Segment Start: Records shown
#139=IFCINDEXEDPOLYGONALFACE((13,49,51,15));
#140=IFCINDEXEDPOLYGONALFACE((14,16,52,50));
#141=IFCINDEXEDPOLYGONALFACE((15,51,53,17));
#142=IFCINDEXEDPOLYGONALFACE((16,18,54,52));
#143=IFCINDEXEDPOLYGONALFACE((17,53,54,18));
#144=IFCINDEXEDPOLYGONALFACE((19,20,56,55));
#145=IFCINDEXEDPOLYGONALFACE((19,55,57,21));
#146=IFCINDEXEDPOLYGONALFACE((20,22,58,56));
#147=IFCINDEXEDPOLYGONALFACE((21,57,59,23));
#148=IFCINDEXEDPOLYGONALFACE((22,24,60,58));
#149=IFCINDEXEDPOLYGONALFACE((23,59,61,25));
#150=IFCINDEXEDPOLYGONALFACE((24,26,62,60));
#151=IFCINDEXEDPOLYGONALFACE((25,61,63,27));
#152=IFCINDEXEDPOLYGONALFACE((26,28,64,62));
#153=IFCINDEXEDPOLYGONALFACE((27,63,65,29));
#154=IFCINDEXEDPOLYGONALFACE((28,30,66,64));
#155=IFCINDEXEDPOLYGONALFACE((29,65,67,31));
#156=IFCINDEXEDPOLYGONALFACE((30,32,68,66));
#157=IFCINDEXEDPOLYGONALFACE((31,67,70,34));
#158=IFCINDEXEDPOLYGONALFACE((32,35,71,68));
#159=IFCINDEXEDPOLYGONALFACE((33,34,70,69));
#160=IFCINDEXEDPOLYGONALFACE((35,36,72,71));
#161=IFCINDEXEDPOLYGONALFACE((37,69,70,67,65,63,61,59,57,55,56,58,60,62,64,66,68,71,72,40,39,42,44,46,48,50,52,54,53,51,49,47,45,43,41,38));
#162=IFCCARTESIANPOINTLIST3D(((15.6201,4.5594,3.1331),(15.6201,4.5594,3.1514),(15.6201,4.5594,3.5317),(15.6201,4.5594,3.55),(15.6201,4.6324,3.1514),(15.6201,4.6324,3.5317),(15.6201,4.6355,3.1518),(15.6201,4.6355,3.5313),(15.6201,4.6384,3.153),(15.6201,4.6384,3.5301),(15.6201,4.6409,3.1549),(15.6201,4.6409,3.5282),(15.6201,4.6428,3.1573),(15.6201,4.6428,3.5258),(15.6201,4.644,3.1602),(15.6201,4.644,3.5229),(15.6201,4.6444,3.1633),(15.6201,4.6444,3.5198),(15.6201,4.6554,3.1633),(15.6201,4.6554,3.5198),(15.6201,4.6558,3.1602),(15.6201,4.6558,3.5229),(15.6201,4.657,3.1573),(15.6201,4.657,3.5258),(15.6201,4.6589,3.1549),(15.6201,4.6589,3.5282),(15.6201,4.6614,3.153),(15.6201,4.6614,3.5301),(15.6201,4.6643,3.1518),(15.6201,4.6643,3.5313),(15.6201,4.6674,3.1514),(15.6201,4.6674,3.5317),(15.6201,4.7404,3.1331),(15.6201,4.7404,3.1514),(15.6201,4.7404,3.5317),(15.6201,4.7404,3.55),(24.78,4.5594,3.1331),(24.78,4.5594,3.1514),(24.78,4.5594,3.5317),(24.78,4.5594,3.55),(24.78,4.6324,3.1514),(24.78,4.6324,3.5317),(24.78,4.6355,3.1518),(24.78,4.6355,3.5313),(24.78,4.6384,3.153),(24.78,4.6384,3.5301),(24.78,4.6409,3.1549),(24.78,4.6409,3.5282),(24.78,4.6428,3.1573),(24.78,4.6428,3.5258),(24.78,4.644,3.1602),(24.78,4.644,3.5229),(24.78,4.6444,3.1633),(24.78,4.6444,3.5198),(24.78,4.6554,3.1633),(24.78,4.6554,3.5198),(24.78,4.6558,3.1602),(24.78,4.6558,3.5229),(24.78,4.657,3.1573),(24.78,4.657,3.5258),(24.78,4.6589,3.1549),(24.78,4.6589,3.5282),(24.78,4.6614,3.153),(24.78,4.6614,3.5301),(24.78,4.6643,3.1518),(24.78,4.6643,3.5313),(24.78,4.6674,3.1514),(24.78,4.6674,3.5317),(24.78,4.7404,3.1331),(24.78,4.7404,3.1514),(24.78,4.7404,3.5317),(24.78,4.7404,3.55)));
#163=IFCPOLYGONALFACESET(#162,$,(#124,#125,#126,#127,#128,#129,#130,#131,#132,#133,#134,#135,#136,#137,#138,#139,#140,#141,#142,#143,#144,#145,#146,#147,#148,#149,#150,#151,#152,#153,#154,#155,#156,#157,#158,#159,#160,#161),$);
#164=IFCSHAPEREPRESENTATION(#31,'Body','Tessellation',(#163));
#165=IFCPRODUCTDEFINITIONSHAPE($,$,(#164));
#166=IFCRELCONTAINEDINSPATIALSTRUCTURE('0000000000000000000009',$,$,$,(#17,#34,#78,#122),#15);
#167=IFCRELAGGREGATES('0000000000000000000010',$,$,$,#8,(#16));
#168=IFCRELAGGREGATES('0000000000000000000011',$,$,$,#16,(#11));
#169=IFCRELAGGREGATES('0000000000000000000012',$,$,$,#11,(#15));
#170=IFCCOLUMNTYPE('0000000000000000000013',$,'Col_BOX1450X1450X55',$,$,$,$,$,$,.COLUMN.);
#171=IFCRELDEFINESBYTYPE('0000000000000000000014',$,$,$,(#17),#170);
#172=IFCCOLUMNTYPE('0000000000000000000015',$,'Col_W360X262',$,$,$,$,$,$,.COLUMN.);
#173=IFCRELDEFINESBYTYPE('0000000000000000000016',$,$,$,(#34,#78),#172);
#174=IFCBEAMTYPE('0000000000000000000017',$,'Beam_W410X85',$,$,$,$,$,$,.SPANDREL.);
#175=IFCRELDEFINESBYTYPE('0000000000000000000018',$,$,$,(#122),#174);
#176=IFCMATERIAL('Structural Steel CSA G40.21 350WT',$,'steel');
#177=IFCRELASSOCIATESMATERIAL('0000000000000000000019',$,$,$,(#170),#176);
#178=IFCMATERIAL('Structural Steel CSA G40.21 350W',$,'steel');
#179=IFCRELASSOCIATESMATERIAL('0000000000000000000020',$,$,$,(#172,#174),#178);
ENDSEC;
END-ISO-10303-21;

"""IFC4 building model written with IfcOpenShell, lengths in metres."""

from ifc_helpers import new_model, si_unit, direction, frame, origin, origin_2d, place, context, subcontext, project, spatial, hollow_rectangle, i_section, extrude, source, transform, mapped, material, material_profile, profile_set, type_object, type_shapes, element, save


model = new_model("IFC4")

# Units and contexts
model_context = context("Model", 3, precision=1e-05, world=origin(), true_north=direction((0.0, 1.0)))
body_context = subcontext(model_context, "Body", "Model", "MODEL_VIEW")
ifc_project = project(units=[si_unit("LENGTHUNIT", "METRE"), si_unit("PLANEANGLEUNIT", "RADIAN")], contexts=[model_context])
Segment End: Records shown
## Problem details
In the entries above, find the lines containing the word "origin" and say how many there are, with no other words.

## Exercise solution
2